- What to work on -
In the records below, find each line with "IFCRELASSOCIATESMATERIAL" and copy it.

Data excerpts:
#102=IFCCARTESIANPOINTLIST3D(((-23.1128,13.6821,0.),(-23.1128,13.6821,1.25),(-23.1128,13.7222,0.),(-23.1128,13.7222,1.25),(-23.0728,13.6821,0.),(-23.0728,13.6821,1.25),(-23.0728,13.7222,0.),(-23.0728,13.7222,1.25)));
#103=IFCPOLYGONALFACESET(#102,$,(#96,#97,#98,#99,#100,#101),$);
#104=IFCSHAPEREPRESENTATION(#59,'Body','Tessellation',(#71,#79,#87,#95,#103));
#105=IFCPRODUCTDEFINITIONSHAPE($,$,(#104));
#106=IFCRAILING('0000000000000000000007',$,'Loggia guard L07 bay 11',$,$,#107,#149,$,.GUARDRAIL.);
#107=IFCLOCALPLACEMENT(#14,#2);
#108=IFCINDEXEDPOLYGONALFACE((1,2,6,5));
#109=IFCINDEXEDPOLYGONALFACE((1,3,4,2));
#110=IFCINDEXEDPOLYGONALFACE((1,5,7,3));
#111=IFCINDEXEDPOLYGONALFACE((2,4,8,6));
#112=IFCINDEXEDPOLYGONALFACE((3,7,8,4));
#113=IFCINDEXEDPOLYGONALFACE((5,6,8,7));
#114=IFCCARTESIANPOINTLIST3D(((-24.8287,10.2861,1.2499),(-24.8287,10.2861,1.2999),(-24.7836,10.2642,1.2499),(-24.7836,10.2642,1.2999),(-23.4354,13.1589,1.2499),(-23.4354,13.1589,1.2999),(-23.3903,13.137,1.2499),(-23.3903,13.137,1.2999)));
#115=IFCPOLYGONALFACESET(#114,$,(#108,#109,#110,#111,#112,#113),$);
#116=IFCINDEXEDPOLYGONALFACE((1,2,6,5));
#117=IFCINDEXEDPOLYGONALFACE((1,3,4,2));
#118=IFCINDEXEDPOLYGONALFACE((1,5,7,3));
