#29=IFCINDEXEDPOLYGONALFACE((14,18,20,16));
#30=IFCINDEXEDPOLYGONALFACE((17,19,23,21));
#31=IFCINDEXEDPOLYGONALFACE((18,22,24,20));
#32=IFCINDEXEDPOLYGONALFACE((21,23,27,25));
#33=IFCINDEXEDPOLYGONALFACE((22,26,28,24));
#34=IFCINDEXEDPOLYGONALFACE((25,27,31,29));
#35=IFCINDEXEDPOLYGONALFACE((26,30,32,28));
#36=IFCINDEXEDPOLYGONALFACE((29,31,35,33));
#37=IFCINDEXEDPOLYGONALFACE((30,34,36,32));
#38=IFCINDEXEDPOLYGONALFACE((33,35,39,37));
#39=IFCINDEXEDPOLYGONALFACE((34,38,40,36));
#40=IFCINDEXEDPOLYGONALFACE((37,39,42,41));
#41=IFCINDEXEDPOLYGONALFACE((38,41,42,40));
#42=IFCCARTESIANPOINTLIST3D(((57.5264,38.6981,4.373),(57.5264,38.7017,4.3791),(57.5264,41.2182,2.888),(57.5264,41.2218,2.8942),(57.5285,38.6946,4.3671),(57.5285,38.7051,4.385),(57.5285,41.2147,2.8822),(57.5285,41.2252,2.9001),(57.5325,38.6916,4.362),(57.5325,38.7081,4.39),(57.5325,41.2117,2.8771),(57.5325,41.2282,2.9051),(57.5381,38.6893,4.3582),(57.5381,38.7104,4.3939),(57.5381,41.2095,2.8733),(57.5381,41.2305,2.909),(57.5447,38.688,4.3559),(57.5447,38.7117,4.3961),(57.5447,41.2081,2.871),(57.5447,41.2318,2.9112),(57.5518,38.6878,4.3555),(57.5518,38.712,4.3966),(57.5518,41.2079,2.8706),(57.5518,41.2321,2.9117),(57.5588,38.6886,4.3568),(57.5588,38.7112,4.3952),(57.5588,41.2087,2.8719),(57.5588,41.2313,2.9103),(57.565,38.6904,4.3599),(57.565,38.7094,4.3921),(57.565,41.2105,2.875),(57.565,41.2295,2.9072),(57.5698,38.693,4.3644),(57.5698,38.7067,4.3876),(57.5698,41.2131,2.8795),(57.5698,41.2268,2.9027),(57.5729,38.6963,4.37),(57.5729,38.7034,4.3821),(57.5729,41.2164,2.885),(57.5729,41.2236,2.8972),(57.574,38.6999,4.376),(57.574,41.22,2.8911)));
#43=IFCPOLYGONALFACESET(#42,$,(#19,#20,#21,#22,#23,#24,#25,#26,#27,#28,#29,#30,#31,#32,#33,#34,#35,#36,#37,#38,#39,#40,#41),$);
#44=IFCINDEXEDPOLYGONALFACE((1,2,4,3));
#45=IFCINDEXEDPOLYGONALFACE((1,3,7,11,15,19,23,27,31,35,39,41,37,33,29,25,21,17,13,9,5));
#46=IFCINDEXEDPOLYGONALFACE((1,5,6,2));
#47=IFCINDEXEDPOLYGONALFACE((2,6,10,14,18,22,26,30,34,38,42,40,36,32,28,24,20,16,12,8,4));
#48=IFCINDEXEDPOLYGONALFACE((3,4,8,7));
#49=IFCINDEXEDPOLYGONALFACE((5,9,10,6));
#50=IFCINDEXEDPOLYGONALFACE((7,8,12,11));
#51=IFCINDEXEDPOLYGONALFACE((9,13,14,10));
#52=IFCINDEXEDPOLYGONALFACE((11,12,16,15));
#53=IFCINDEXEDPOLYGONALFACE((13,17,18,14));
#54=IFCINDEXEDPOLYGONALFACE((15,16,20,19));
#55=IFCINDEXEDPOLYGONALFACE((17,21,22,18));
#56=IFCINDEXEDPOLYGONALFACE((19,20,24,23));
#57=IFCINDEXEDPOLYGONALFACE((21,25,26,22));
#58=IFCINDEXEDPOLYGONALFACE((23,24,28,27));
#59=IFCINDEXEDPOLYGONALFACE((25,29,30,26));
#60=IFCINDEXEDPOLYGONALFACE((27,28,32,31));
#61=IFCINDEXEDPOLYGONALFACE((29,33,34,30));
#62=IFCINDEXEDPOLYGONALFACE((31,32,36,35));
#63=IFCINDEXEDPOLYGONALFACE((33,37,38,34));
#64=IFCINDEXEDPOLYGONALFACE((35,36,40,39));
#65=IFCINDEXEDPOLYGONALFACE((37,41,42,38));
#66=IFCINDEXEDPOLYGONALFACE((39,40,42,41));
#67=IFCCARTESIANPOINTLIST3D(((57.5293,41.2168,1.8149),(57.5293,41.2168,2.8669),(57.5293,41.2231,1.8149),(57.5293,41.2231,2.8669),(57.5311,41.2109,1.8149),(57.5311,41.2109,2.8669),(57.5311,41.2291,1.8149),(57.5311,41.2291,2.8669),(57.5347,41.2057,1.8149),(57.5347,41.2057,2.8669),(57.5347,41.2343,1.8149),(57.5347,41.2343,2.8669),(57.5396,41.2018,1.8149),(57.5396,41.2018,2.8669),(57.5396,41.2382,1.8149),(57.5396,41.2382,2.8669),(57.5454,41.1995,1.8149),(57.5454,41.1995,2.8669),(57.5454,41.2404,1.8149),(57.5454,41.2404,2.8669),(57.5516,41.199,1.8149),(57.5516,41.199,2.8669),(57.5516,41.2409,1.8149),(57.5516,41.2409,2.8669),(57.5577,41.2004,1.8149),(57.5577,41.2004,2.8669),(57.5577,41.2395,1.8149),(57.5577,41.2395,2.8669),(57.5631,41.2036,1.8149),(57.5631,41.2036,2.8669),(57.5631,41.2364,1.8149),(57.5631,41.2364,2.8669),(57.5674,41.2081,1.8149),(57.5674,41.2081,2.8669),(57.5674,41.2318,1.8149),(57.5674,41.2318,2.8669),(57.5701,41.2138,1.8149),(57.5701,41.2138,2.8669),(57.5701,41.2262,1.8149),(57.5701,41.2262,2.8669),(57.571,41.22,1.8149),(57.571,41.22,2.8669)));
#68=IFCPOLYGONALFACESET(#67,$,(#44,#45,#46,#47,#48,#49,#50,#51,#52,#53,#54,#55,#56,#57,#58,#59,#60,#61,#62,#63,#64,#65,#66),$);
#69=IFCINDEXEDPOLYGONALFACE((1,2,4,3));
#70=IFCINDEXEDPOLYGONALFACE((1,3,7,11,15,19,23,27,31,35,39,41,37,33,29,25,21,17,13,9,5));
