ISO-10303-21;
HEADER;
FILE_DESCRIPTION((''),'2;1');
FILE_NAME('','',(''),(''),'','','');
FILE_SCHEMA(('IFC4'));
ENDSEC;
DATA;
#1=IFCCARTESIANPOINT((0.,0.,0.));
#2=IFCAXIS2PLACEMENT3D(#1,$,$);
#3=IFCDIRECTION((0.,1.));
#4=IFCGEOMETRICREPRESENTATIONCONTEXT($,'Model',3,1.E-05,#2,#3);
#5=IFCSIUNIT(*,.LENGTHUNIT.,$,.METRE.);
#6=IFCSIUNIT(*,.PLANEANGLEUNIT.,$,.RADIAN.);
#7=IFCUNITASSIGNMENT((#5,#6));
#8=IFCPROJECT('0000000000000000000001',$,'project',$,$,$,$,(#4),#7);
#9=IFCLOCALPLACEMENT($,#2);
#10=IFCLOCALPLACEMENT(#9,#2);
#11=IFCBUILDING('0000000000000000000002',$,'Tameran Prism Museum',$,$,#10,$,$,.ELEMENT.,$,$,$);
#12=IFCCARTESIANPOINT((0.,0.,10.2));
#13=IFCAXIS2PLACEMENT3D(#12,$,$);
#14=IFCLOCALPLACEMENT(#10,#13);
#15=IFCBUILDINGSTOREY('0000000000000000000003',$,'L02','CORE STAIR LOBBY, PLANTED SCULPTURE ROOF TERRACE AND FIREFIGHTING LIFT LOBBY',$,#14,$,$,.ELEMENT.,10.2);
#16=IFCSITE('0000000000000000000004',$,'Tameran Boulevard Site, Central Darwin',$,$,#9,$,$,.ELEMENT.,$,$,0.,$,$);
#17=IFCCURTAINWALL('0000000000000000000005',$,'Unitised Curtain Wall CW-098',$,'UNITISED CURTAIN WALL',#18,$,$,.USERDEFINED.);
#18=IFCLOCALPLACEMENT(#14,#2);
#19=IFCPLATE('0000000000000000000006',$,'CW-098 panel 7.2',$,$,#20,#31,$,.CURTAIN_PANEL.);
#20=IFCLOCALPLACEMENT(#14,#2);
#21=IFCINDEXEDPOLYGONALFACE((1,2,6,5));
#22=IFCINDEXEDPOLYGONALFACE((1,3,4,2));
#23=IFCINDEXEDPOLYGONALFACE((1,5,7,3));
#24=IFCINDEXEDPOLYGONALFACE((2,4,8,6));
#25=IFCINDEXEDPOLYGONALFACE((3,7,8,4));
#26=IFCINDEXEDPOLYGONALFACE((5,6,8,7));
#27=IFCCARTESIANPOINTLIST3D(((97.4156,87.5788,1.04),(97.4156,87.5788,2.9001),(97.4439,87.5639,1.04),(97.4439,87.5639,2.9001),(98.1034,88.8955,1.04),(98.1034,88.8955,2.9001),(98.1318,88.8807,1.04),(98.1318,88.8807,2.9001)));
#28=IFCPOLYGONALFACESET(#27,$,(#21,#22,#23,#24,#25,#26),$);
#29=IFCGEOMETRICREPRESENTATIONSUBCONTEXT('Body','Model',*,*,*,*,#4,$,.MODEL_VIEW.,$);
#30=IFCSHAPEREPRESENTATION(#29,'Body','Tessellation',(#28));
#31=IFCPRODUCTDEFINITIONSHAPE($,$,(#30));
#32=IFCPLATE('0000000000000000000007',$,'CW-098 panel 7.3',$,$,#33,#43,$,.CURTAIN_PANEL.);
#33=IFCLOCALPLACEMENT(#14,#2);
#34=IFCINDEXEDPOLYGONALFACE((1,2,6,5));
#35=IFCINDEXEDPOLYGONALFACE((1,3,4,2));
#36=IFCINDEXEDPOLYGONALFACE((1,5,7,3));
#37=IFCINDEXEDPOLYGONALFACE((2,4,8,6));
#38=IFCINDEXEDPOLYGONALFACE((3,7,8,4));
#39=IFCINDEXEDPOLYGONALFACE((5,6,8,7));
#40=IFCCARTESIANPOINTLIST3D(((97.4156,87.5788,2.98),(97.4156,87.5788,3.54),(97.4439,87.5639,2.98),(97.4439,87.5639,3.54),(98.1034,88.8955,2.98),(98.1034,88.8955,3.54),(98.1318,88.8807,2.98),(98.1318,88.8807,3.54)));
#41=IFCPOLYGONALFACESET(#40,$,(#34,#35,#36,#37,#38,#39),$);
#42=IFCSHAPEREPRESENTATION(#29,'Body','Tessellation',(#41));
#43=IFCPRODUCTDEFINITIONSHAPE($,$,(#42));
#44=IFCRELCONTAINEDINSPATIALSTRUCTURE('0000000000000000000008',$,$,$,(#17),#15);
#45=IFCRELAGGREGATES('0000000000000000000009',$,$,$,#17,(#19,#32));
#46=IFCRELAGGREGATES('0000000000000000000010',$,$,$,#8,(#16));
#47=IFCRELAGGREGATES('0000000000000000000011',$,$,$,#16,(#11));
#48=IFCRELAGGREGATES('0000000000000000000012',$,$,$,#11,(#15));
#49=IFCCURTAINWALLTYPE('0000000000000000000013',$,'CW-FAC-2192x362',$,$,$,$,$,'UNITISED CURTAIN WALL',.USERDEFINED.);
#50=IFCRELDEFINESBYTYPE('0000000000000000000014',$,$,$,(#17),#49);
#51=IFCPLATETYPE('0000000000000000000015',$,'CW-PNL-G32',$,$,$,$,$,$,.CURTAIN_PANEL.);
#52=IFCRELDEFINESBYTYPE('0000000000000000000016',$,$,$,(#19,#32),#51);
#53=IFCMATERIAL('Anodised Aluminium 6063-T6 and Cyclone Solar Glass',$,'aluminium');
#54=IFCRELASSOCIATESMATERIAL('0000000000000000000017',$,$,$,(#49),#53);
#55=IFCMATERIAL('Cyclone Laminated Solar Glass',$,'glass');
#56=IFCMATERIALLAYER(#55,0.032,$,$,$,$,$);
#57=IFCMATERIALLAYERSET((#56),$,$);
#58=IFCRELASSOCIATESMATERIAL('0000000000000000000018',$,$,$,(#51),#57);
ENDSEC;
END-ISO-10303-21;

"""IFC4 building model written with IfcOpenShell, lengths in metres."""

from ifc_helpers import new_model, si_unit, direction, frame, origin, origin_2d, place, context, subcontext, project, spatial, rectangle, extrude, material, layer, layer_set, type_object, element, aggregate, save


model = new_model("IFC4")

# Units and contexts
model_context = context("Model", 3, precision=1e-05, world=origin(), true_north=direction((0.0, 1.0)))
body_context = subcontext(model_context, "Body", "Model", "MODEL_VIEW")
ifc_project = project(units=[si_unit("LENGTHUNIT", "METRE"), si_unit("PLANEANGLEUNIT", "RADIAN")], contexts=[model_context])

# Site, building, storey
site_placement = place(None, origin())
site = spatial("IfcSite", under=ifc_project, at=site_placement, Name="Tameran Boulevard Site, Central Darwin", CompositionType="ELEMENT", RefElevation=0.0)
building_placement = place(site_placement, origin())
building = spatial("IfcBuilding", under=site, at=building_placement, Name="Tameran Prism Museum", CompositionType="ELEMENT")
storey_placement = place(building_placement, frame((0.0, 0.0, 10.2)))
storey = spatial("IfcBuildingStorey", under=building, at=storey_placement, Name="L02", Description="CORE STAIR LOBBY, PLANTED SCULPTURE ROOF TERRACE AND FIREFIGHTING LIFT LOBBY", CompositionType="ELEMENT", Elevation=10.2)

# Curtain wall, plates
ifc_material_1 = material(Name="Anodised Aluminium 6063-T6 and Cyclone Solar Glass", Category="aluminium")
curtain_wall_type = type_object("IfcCurtainWallType", Name="CW-FAC-2192x362", ElementType="UNITISED CURTAIN WALL", PredefinedType="USERDEFINED", material=ifc_material_1)
curtain_wall_placement = place(storey_placement, origin())
curtain_wall = element("IfcCurtainWall", 1, at=curtain_wall_placement, inside=storey, type_object=curtain_wall_type, Name="Unitised Curtain Wall CW-098", ObjectType="UNITISED CURTAIN WALL", PredefinedType="USERDEFINED")
ifc_material_2 = material(Name="Cyclone Laminated Solar Glass", Category="glass")
ifc_layer = layer(ifc_material_2, 0.032)
ifc_layer_set = layer_set([ifc_layer])
plate_type = type_object("IfcPlateType", Name="CW-PNL-G32", PredefinedType="CURTAIN_PANEL", material=ifc_layer_set)
plate_1_placement = place(storey_placement, frame((97.7737, 88.2297, 1.04), z_axis=(0.0, 0.0, 1.0), x_axis=(0.463003, 0.886357, 0.0)))
plate_1 = element("IfcPlate", 2, at=plate_1_placement, type_object=plate_type, Name="CW-098 panel 7.2", PredefinedType="CURTAIN_PANEL", context=body_context, shape_type="SweptSolid", body=[
    extrude(rectangle(XDim=1.4856, YDim=0.032, at=origin_2d()), origin(), (0.0, 0.0, 1.0), 1.8601),
])
plate_2_placement = place(storey_placement, frame((97.7737, 88.2297, 2.98), z_axis=(0.0, 0.0, 1.0), x_axis=(0.463003, 0.886357, 0.0)))
plate_2 = element("IfcPlate", 3, at=plate_2_placement, type_object=plate_type, Name="CW-098 panel 7.3", PredefinedType="CURTAIN_PANEL", context=body_context, shape_type="SweptSolid", body=[
    extrude(rectangle(XDim=1.4856, YDim=0.032, at=origin_2d()), origin(), (0.0, 0.0, 1.0), 0.5601),
])
aggregate(curtain_wall, [plate_1, plate_2])

save(model, "model.ifc")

- Reply to the exercise -
#54=IFCRELASSOCIATESMATERIAL('0000000000000000000017',$,$,$,(#49),#53);
#58=IFCRELASSOCIATESMATERIAL('0000000000000000000018',$,$,$,(#51),#57);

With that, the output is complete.